* EXERCISE GOAL
Reproduce word for word the lines between those holding "#111=IFCINDEXEDPOLYGONALFACE((15,19,20,16));" and "#117=IFCINDEXEDPOLYGONALFACE((27,31,32,28));", inclusive, and nothing else from the data below.

* EXERCISE DATA

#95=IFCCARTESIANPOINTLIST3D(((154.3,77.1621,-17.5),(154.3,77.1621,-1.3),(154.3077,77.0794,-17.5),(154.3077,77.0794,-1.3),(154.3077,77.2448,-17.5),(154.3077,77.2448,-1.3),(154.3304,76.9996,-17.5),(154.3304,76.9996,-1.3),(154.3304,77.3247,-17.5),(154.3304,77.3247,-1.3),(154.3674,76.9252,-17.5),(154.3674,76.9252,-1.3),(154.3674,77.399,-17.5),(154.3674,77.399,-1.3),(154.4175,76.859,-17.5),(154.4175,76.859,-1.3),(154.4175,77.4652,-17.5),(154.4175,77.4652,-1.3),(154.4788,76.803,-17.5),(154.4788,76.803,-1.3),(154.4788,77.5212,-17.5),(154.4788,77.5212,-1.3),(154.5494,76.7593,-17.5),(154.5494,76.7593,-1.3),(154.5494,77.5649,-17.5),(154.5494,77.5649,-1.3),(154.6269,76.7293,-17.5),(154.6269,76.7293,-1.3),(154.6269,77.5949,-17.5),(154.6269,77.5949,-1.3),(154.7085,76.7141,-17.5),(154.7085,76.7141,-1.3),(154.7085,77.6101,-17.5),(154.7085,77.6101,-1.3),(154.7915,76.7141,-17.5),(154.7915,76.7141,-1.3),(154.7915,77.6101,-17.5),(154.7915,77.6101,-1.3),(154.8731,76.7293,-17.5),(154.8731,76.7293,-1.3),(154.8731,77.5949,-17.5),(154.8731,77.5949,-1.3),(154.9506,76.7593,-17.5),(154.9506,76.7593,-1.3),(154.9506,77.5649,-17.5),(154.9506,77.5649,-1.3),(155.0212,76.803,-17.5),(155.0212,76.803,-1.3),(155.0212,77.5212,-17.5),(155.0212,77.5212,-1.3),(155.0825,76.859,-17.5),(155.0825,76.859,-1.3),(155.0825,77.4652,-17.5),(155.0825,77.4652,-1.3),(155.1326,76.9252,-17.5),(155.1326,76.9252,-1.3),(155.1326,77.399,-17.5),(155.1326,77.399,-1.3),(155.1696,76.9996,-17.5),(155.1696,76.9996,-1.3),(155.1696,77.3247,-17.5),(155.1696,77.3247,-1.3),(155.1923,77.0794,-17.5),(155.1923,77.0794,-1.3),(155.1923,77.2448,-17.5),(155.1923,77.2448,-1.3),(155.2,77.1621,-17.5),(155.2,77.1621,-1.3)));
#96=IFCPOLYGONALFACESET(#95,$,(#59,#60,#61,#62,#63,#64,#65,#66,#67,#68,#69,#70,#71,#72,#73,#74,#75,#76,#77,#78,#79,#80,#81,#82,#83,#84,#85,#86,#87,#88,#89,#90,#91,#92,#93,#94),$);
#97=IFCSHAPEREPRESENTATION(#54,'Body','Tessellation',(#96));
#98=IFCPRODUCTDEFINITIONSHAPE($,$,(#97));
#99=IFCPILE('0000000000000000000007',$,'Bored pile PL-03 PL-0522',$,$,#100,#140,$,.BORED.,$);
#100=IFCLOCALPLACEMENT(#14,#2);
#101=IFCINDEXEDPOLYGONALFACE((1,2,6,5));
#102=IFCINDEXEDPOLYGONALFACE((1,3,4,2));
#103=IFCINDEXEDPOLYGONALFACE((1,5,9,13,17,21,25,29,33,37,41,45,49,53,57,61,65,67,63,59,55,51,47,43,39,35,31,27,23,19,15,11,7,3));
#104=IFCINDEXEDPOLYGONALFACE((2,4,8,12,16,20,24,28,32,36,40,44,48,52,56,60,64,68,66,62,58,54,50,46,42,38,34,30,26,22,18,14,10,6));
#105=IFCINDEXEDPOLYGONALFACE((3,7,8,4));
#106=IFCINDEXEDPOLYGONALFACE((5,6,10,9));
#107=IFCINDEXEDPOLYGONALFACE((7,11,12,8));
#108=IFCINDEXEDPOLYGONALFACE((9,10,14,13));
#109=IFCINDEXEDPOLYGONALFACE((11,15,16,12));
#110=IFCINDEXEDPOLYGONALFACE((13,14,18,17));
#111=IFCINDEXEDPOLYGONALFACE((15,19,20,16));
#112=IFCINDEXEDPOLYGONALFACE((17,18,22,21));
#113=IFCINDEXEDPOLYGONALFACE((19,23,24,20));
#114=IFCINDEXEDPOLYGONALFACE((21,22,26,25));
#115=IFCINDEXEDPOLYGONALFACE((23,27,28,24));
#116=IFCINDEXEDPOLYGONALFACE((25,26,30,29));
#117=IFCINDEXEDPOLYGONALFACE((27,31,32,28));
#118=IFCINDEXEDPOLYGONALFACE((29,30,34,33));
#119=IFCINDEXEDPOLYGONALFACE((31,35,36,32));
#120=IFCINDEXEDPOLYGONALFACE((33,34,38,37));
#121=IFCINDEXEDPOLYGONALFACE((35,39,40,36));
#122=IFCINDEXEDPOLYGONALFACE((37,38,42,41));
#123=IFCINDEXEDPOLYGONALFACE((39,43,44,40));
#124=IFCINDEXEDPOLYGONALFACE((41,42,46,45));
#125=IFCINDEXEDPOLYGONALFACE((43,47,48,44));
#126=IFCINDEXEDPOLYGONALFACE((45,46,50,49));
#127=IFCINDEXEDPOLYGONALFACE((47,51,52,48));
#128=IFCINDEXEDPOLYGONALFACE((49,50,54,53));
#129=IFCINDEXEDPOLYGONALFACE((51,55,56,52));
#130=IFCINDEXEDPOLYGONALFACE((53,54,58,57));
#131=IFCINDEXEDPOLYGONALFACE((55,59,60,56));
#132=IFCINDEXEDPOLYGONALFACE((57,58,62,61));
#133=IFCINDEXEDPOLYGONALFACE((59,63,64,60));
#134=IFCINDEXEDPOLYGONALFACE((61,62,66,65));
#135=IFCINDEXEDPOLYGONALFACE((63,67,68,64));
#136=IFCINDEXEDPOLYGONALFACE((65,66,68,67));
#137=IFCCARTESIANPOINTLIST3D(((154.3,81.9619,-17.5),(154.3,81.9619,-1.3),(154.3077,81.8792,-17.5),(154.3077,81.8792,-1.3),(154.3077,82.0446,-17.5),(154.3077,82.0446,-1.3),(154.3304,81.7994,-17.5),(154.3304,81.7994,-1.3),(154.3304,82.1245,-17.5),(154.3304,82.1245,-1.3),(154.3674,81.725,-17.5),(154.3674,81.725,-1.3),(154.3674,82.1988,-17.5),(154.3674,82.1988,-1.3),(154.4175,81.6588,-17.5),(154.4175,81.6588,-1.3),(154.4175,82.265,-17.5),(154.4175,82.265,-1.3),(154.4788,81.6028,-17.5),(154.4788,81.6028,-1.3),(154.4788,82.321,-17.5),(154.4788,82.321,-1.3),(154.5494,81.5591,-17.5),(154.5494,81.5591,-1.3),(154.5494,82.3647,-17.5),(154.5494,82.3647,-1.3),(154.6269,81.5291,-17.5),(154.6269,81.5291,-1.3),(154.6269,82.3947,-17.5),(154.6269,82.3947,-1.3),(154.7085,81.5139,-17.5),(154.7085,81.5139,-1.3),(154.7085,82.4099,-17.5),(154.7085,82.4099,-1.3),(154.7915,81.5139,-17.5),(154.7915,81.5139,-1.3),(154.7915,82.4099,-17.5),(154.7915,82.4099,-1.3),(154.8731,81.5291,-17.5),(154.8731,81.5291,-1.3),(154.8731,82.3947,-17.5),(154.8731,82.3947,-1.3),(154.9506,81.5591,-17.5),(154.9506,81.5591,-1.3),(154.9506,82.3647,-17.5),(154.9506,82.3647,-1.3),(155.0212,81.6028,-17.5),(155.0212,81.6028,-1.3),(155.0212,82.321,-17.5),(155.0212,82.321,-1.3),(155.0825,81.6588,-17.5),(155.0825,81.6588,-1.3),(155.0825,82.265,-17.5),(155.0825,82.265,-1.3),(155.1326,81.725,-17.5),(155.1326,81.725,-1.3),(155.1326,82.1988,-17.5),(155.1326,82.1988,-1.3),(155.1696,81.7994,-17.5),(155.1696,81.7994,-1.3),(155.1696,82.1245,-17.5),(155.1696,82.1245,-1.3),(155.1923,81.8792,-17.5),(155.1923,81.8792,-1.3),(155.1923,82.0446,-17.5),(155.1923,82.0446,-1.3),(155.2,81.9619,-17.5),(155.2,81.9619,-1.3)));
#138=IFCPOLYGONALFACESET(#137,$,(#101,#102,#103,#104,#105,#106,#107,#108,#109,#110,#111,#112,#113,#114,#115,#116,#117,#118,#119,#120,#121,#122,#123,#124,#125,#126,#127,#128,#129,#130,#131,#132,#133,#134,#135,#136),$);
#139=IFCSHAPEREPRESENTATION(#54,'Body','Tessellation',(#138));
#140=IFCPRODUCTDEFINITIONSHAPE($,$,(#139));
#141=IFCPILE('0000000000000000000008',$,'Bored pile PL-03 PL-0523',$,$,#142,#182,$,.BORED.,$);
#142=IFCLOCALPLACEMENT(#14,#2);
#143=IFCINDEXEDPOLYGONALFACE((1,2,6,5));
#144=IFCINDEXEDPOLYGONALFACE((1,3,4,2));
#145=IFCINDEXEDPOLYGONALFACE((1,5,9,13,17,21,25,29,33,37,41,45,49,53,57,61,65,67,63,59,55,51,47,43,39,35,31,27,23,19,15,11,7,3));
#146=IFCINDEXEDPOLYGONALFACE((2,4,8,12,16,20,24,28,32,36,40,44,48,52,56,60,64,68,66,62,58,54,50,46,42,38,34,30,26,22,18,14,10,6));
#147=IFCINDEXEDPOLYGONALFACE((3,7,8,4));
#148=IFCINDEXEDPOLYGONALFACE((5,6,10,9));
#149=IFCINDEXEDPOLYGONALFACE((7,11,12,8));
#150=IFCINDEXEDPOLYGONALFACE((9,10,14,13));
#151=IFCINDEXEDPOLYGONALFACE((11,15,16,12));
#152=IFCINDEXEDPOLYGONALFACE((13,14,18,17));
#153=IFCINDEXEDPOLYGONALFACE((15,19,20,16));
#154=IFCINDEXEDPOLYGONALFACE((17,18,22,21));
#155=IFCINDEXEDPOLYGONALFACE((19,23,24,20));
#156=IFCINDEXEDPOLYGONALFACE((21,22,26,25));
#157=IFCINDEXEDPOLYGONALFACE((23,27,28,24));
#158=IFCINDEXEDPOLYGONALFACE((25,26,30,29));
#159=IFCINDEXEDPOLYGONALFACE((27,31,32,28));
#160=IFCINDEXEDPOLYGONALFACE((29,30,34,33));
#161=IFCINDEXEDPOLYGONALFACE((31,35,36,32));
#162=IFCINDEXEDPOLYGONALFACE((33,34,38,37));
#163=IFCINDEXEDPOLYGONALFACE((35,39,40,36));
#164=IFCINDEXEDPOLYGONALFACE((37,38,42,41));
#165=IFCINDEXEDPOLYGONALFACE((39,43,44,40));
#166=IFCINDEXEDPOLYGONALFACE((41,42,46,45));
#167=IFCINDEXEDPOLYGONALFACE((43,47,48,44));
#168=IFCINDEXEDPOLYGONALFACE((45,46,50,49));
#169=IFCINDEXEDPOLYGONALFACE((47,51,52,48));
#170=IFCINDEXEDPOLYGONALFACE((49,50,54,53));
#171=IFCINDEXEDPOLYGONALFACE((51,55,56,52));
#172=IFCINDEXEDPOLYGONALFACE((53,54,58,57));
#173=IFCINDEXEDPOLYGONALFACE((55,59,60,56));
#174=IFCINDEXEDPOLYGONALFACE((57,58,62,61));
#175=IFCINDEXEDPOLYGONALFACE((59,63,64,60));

* OUTPUT OF THE EXERCISE
#111=IFCINDEXEDPOLYGONALFACE((15,19,20,16));
#112=IFCINDEXEDPOLYGONALFACE((17,18,22,21));
#113=IFCINDEXEDPOLYGONALFACE((19,23,24,20));
#114=IFCINDEXEDPOLYGONALFACE((21,22,26,25));
#115=IFCINDEXEDPOLYGONALFACE((23,27,28,24));
#116=IFCINDEXEDPOLYGONALFACE((25,26,30,29));
#117=IFCINDEXEDPOLYGONALFACE((27,31,32,28));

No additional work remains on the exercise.